Exercise
Write out the stretch of lines below that begins at the line with "#24=IFCINDEXEDPOLYGONALFACE((2,6,8,4));" and ends at the line with "#35=IFCINDEXEDPOLYGONALFACE((1,3,15,13));", including both, exactly as given and nothing more.

Records for this task
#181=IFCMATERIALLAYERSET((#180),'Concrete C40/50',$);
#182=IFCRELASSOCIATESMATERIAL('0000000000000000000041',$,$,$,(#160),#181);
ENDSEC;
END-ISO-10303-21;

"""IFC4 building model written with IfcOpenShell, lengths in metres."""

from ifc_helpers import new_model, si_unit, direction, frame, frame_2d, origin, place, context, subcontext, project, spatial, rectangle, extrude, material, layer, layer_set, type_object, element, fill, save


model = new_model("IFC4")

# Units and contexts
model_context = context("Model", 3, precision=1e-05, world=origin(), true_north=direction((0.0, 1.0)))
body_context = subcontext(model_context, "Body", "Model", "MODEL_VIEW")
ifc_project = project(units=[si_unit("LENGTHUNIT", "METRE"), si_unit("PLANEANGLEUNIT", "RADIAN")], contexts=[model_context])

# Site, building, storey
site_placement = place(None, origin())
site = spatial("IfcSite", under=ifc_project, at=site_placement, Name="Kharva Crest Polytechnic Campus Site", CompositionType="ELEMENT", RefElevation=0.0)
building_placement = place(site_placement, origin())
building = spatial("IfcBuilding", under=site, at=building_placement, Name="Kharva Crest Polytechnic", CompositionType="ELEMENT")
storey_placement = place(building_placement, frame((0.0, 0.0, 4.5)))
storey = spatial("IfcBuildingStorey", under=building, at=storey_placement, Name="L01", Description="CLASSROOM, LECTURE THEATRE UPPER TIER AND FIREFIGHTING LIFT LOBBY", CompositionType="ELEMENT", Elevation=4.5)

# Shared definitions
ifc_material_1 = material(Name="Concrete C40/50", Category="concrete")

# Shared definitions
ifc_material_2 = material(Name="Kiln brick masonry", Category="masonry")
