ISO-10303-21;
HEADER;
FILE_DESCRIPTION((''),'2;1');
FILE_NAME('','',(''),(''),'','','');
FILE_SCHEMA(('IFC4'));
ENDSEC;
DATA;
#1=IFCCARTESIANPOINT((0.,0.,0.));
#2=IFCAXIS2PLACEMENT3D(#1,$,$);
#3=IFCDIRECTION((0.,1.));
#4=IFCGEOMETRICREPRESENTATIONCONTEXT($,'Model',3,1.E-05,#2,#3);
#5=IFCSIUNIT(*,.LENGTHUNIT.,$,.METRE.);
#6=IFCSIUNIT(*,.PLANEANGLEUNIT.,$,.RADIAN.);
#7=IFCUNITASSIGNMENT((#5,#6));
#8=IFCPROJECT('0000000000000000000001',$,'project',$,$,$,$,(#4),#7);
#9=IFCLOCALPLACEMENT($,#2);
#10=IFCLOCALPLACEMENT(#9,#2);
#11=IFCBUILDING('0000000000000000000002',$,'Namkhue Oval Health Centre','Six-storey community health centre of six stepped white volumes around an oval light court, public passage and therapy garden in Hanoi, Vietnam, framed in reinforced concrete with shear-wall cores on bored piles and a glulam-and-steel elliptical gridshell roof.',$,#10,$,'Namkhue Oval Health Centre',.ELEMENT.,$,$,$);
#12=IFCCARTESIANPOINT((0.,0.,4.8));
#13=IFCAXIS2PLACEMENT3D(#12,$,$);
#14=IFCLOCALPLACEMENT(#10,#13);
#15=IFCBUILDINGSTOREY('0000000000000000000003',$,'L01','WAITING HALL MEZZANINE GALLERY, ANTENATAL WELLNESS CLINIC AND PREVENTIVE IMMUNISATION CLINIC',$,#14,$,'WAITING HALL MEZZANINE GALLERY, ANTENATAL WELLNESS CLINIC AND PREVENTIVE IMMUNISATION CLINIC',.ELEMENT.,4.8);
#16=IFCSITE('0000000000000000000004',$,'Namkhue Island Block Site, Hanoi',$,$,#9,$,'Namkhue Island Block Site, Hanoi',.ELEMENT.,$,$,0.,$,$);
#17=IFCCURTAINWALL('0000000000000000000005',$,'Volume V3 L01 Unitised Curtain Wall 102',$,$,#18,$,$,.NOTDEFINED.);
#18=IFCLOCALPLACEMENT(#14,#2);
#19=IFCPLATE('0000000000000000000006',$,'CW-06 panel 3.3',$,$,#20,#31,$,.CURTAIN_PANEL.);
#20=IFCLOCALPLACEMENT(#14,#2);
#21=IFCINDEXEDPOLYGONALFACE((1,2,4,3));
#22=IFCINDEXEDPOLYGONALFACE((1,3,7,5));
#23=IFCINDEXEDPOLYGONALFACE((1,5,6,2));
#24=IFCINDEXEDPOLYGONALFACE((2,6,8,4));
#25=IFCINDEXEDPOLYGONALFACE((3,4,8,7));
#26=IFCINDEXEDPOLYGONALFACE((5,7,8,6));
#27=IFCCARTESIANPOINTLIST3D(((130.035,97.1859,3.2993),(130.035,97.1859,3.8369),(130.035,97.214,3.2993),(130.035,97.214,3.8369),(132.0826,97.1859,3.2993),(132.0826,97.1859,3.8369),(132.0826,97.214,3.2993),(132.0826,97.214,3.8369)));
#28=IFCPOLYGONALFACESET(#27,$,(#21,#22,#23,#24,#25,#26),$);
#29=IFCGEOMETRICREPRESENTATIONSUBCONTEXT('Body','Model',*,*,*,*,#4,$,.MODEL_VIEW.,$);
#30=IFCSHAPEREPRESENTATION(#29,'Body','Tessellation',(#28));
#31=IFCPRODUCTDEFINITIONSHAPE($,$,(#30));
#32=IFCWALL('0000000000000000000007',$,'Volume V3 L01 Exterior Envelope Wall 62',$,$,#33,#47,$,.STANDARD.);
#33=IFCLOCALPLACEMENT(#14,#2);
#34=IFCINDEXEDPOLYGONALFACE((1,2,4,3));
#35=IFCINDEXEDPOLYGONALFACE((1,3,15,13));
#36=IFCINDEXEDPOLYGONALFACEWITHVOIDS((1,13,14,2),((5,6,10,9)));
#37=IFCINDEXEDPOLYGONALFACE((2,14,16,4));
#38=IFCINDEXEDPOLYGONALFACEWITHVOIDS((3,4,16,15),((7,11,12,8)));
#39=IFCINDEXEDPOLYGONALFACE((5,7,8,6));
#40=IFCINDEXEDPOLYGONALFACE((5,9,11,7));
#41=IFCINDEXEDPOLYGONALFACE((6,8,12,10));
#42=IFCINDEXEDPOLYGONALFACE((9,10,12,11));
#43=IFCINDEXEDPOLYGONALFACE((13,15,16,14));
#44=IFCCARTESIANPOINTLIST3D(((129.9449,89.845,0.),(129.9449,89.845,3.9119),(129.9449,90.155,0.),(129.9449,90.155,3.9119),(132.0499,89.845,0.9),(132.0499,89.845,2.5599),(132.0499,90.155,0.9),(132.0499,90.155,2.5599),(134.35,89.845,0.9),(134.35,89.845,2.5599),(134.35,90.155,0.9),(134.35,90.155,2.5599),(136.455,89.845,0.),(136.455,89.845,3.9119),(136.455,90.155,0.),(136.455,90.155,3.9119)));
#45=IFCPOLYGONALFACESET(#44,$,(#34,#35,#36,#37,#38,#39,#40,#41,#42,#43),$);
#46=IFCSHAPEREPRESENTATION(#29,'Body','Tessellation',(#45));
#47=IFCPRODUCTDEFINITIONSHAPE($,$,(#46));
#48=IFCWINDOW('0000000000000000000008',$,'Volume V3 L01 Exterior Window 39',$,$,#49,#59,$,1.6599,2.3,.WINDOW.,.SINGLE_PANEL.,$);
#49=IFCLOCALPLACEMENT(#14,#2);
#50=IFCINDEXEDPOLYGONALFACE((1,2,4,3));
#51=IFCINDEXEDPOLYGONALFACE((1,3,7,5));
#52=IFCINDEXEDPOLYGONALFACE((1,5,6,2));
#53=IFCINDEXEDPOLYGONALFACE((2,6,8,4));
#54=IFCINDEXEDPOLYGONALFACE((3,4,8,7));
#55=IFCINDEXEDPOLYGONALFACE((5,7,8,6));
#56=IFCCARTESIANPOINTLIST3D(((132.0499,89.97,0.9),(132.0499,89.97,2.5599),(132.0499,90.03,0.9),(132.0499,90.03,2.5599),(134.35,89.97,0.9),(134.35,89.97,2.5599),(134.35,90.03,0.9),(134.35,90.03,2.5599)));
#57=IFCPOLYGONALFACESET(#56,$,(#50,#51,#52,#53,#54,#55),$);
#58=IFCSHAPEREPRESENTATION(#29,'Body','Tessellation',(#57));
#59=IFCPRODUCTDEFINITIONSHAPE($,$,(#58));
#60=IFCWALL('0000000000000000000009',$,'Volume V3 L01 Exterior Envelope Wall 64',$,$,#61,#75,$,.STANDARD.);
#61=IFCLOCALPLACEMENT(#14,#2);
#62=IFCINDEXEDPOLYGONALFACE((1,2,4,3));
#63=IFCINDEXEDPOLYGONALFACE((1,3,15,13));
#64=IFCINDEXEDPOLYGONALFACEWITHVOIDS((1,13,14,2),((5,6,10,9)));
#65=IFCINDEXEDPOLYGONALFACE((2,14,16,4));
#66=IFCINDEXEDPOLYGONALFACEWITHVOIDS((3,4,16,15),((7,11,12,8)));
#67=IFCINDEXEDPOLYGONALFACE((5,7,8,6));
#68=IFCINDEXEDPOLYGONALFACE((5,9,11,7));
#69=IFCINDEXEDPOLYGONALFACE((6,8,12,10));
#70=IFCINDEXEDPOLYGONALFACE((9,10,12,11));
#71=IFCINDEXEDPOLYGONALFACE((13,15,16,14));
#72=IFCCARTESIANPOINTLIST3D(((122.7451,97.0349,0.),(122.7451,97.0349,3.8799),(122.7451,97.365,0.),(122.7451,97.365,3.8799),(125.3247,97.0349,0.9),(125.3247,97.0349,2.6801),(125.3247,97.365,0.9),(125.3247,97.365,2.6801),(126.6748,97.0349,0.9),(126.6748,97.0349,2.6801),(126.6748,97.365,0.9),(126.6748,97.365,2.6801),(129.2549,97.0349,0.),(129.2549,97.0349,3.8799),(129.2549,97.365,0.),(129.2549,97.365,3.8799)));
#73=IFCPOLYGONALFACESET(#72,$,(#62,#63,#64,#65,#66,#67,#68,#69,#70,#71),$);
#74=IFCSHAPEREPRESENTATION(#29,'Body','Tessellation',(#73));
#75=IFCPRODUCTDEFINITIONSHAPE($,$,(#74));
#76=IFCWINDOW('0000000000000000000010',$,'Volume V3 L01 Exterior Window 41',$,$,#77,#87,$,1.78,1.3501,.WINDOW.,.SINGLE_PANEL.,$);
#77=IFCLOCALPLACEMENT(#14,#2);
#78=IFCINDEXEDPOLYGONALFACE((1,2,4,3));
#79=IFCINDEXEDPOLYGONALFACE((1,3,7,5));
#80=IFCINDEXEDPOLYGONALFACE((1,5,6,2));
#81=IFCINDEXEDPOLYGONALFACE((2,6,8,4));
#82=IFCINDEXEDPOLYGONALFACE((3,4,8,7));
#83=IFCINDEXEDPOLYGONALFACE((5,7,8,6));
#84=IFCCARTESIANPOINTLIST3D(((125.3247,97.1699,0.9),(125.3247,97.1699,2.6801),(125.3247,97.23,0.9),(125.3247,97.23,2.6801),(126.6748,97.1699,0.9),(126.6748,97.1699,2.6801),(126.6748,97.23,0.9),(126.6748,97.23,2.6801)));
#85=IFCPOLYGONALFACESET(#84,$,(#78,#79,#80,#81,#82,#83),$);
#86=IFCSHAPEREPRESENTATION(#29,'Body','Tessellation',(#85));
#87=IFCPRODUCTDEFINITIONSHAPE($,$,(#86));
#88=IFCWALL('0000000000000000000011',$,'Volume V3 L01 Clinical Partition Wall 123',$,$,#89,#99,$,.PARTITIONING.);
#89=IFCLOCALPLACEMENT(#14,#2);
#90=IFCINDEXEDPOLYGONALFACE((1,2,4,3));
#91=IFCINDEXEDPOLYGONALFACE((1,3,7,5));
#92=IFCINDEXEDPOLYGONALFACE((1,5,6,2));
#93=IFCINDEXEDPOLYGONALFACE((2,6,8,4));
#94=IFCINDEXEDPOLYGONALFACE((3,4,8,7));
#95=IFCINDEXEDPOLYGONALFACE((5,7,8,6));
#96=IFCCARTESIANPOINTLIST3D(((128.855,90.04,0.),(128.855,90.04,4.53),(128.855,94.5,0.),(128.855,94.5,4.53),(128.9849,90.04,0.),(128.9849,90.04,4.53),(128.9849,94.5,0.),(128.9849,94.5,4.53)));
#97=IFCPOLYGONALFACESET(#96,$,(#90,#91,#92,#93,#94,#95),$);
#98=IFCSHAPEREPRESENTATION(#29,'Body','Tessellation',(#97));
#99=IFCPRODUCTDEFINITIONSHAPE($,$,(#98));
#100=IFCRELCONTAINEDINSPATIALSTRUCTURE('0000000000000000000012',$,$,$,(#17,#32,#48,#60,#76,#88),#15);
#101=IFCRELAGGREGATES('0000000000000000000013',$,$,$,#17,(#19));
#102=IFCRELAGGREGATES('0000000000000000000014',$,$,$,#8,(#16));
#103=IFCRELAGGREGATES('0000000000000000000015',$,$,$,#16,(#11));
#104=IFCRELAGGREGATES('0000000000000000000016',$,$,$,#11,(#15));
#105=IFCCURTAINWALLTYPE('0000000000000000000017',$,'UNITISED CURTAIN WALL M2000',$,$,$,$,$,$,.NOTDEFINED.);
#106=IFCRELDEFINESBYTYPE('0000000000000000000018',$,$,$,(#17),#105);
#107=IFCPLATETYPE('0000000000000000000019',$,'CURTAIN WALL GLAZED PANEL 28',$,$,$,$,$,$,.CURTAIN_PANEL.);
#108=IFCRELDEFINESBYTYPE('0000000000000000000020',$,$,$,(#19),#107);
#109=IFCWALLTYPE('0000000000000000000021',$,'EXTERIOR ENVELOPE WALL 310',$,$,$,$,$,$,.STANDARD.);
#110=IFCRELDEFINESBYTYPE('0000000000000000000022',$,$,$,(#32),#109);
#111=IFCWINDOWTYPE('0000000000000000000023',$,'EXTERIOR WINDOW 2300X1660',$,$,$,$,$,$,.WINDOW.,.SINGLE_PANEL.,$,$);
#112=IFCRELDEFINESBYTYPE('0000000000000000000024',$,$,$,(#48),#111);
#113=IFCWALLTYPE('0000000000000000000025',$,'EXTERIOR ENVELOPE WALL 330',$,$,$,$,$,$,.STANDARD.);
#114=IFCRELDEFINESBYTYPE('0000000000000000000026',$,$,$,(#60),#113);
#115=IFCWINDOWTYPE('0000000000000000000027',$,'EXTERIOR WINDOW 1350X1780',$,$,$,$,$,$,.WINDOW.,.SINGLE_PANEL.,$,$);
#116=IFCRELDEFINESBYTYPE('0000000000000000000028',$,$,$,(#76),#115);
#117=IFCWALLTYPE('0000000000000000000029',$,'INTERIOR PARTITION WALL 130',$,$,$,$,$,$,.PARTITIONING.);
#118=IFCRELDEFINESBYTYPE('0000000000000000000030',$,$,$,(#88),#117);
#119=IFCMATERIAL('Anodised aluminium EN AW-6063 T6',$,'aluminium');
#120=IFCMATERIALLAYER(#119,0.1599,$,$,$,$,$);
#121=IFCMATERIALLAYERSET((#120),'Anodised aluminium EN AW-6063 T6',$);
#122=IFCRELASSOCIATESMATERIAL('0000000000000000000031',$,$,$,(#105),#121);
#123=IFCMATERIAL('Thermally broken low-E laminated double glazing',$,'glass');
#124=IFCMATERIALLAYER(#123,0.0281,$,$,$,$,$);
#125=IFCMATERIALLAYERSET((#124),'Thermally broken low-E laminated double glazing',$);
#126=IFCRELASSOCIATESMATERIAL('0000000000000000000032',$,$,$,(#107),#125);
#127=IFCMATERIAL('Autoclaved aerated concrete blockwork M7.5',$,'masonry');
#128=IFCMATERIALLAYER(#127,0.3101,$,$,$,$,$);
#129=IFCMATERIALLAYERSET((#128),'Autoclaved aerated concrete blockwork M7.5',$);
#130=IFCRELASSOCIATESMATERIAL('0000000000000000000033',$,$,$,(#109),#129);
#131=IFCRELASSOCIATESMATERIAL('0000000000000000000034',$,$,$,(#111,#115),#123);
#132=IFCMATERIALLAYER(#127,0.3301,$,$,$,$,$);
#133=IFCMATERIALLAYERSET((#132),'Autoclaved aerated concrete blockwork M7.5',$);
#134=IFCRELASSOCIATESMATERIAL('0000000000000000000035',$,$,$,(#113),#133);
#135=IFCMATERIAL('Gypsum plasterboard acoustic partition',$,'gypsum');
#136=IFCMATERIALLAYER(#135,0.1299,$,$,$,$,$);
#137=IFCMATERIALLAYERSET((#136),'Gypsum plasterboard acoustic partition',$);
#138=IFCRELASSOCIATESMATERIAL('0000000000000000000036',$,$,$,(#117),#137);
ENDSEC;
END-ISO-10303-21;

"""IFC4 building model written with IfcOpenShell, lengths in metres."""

from ifc_helpers import new_model, si_unit, direction, frame, frame_2d, origin, origin_2d, place, context, subcontext, project, spatial, rectangle, extrude, material, layer, layer_set, type_object, element, fill, aggregate, save


model = new_model("IFC4")

# Units and contexts
model_context = context("Model", 3, precision=1e-05, world=origin(), true_north=direction((0.0, 1.0)))
body_context = subcontext(model_context, "Body", "Model", "MODEL_VIEW")
ifc_project = project(units=[si_unit("LENGTHUNIT", "METRE"), si_unit("PLANEANGLEUNIT", "RADIAN")], contexts=[model_context])

# Site, building, storey
site_placement = place(None, origin())
site = spatial("IfcSite", under=ifc_project, at=site_placement, Name="Namkhue Island Block Site, Hanoi", LongName="Namkhue Island Block Site, Hanoi", CompositionType="ELEMENT", RefElevation=0.0)
building_placement = place(site_placement, origin())
building = spatial("IfcBuilding", under=site, at=building_placement, Name="Namkhue Oval Health Centre", Description="Six-storey community health centre of six stepped white volumes around an oval light court, public passage and therapy garden in Hanoi, Vietnam, framed in reinforced concrete with shear-wall cores on bored piles and a glulam-and-steel elliptical gridshell roof.", LongName="Namkhue Oval Health Centre", CompositionType="ELEMENT")
storey_placement = place(building_placement, frame((0.0, 0.0, 4.8)))
storey = spatial("IfcBuildingStorey", under=building, at=storey_placement, Name="L01", Description="WAITING HALL MEZZANINE GALLERY, ANTENATAL WELLNESS CLINIC AND PREVENTIVE IMMUNISATION CLINIC", LongName="WAITING HALL MEZZANINE GALLERY, ANTENATAL WELLNESS CLINIC AND PREVENTIVE IMMUNISATION CLINIC", CompositionType="ELEMENT", Elevation=4.8)

# Shared definitions
ifc_material_1 = material(Name="Anodised aluminium EN AW-6063 T6", Category="aluminium")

Solution
#24=IFCINDEXEDPOLYGONALFACE((2,6,8,4));
#25=IFCINDEXEDPOLYGONALFACE((3,4,8,7));
#26=IFCINDEXEDPOLYGONALFACE((5,7,8,6));
#27=IFCCARTESIANPOINTLIST3D(((130.035,97.1859,3.2993),(130.035,97.1859,3.8369),(130.035,97.214,3.2993),(130.035,97.214,3.8369),(132.0826,97.1859,3.2993),(132.0826,97.1859,3.8369),(132.0826,97.214,3.2993),(132.0826,97.214,3.8369)));
#28=IFCPOLYGONALFACESET(#27,$,(#21,#22,#23,#24,#25,#26),$);
#29=IFCGEOMETRICREPRESENTATIONSUBCONTEXT('Body','Model',*,*,*,*,#4,$,.MODEL_VIEW.,$);
#30=IFCSHAPEREPRESENTATION(#29,'Body','Tessellation',(#28));
#31=IFCPRODUCTDEFINITIONSHAPE($,$,(#30));
#32=IFCWALL('0000000000000000000007',$,'Volume V3 L01 Exterior Envelope Wall 62',$,$,#33,#47,$,.STANDARD.);
#33=IFCLOCALPLACEMENT(#14,#2);
#34=IFCINDEXEDPOLYGONALFACE((1,2,4,3));
#35=IFCINDEXEDPOLYGONALFACE((1,3,15,13));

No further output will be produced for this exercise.